*Work instruction*. Once the line with "#165=IFCMATERIAL('Fire-rated gypsum board" is found in the data, output it and each following line exactly, up to and including the line with "from ifc_helpers import", and nothing before or after.

*Data*.
☆ ☆ ☆ ☆ ☆ ☆ ☆
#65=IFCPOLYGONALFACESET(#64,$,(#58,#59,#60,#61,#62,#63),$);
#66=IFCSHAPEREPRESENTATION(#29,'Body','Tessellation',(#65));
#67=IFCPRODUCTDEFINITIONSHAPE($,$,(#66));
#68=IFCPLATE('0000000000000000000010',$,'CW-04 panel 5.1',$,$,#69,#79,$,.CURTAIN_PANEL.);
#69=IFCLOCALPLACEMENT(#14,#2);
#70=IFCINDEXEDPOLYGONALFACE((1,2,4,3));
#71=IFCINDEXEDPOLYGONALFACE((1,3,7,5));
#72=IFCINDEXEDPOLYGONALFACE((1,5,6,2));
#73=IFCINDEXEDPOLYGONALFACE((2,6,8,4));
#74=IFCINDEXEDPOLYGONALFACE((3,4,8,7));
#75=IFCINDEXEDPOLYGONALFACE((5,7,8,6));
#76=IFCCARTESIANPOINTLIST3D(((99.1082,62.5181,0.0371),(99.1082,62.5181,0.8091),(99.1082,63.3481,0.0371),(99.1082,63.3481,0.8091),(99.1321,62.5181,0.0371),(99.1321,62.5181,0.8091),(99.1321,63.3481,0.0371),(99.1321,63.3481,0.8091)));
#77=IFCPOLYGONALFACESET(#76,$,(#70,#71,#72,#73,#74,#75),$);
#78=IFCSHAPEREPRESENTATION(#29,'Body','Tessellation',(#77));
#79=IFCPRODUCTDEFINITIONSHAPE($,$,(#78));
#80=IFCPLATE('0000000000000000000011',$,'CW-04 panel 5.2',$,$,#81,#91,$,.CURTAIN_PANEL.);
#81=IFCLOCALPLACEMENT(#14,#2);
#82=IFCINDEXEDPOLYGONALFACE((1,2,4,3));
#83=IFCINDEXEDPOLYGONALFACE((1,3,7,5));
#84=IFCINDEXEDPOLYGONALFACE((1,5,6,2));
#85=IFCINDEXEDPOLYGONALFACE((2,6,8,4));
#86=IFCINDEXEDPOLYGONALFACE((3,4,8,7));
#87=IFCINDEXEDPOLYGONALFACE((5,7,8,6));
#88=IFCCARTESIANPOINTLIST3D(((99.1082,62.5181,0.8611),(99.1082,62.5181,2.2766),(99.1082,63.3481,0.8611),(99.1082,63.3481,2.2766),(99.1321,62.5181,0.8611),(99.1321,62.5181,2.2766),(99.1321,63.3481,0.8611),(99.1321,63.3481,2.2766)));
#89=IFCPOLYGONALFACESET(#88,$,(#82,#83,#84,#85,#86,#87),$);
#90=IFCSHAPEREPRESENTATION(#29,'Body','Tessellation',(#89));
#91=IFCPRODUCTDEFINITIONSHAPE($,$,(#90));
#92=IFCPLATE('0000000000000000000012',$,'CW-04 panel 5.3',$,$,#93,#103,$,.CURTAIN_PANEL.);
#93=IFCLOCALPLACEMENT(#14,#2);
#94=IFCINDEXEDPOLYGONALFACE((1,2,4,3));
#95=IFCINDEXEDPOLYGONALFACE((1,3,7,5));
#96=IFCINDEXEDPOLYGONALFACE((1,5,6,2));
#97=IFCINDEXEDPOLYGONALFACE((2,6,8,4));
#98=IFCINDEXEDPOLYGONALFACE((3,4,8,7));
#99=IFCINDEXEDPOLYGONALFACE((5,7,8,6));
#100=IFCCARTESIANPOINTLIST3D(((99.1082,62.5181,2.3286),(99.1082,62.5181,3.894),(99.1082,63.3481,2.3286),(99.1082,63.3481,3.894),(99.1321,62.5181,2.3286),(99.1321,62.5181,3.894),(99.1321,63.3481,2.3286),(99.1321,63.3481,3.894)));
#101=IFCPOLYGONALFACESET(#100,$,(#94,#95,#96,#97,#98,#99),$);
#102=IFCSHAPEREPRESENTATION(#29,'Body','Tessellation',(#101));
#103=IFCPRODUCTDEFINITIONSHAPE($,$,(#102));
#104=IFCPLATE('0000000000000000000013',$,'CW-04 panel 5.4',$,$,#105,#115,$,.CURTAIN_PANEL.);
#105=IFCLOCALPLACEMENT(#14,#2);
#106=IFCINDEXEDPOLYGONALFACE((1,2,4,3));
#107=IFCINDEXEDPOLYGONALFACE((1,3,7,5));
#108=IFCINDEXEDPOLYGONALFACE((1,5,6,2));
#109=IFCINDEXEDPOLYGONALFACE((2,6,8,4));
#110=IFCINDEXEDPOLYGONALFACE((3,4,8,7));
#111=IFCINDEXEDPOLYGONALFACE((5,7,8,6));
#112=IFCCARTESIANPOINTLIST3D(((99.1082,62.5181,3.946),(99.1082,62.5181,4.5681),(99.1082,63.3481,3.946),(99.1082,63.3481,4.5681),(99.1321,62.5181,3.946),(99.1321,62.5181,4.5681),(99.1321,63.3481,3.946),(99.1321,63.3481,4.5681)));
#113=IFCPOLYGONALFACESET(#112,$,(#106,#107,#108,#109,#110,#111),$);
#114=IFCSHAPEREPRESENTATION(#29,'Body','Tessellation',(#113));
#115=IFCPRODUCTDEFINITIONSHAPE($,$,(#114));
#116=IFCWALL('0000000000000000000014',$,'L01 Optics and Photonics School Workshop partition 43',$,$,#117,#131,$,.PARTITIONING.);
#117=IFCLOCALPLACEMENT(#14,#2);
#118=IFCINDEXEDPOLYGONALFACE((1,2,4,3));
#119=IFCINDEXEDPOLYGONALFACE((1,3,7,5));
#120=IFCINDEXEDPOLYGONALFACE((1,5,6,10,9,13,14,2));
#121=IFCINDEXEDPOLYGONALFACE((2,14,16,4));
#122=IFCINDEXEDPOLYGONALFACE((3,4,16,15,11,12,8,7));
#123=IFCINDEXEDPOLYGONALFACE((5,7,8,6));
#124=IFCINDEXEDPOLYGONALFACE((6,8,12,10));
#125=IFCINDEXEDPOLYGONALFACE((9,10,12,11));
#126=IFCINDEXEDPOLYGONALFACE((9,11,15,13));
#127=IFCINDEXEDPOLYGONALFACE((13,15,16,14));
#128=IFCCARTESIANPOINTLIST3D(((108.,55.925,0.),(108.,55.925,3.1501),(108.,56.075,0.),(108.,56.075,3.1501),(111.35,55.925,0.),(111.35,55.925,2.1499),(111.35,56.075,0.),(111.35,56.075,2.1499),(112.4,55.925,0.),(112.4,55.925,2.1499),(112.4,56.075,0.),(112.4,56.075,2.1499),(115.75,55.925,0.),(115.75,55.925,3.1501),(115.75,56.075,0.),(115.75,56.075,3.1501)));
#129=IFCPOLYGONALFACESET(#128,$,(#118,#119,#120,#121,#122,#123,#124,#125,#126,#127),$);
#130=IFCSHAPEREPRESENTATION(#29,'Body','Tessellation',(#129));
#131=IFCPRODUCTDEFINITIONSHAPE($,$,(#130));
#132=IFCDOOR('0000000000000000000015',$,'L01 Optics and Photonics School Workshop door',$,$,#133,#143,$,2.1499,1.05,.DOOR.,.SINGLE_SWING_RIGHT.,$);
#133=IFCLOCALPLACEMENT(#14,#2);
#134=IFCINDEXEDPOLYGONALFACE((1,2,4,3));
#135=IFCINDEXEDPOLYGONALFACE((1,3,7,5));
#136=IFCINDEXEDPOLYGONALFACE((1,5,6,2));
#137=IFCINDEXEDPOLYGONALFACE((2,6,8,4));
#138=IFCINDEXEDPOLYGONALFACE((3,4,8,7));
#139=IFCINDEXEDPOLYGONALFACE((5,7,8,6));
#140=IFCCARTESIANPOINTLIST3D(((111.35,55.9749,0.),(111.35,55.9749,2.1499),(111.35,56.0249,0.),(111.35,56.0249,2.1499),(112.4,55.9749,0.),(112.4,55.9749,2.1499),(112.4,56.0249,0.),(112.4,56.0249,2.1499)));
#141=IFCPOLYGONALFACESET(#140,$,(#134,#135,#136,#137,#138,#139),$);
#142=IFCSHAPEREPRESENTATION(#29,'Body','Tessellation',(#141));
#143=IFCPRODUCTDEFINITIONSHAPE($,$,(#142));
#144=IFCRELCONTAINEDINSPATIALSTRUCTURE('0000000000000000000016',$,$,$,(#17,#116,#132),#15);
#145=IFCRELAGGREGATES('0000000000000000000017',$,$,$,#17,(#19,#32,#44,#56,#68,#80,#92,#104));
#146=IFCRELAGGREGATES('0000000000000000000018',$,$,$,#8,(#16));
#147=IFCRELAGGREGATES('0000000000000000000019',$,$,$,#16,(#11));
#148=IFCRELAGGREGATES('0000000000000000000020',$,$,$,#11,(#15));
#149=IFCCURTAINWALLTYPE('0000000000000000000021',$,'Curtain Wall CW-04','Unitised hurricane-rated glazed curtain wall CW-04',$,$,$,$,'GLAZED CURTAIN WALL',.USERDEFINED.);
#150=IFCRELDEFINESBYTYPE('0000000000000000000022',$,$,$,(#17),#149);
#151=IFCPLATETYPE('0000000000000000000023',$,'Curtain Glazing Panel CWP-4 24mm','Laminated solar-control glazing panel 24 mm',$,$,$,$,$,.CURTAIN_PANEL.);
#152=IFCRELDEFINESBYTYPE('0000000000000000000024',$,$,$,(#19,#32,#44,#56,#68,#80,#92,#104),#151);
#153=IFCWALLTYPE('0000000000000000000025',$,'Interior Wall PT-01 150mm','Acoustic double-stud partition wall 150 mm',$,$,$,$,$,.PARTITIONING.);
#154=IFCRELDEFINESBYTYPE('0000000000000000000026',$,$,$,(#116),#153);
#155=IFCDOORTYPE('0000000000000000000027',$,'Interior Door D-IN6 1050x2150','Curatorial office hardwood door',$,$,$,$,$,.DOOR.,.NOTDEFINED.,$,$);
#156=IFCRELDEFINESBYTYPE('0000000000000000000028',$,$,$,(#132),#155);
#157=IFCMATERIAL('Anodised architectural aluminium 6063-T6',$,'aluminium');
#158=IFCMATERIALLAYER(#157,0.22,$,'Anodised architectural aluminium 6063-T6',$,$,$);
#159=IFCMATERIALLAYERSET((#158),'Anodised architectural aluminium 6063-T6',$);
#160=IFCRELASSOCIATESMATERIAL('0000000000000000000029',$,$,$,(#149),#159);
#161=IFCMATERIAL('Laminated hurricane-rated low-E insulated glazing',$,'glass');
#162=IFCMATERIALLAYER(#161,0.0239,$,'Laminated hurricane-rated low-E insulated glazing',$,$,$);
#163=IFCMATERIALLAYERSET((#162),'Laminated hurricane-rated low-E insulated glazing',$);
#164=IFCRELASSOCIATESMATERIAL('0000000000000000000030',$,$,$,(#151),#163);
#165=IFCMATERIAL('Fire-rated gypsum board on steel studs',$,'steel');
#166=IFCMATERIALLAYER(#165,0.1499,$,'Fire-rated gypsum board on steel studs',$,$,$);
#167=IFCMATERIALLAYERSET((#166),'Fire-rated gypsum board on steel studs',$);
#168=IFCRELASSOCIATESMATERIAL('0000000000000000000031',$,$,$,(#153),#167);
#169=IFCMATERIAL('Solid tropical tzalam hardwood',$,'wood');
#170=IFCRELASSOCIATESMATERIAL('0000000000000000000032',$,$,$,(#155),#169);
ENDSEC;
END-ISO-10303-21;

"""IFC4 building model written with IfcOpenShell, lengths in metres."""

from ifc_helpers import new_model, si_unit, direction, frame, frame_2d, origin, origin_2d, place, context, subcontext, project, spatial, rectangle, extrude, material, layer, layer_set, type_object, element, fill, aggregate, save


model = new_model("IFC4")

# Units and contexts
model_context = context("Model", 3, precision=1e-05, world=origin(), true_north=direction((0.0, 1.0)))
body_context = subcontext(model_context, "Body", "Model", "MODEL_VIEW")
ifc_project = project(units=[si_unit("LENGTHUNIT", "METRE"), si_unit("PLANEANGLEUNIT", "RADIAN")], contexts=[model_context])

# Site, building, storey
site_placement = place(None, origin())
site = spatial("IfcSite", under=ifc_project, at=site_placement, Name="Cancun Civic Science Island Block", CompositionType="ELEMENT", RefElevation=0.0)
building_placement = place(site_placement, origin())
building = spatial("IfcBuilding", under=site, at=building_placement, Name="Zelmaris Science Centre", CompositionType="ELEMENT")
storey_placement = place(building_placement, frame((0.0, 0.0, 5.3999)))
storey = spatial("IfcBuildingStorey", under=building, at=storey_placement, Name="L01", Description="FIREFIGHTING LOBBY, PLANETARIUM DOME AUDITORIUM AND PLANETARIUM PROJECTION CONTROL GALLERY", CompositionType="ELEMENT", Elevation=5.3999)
☆ ☆ ☆ ☆ ☆ ☆ ☆
*Result of this exercise*.
#165=IFCMATERIAL('Fire-rated gypsum board on steel studs',$,'steel');
#166=IFCMATERIALLAYER(#165,0.1499,$,'Fire-rated gypsum board on steel studs',$,$,$);
#167=IFCMATERIALLAYERSET((#166),'Fire-rated gypsum board on steel studs',$);
#168=IFCRELASSOCIATESMATERIAL('0000000000000000000031',$,$,$,(#153),#167);
#169=IFCMATERIAL('Solid tropical tzalam hardwood',$,'wood');
#170=IFCRELASSOCIATESMATERIAL('0000000000000000000032',$,$,$,(#155),#169);
ENDSEC;
END-ISO-10303-21;

"""IFC4 building model written with IfcOpenShell, lengths in metres."""

from ifc_helpers import new_model, si_unit, direction, frame, frame_2d, origin, origin_2d, place, context, subcontext, project, spatial, rectangle, extrude, material, layer, layer_set, type_object, element, fill, aggregate, save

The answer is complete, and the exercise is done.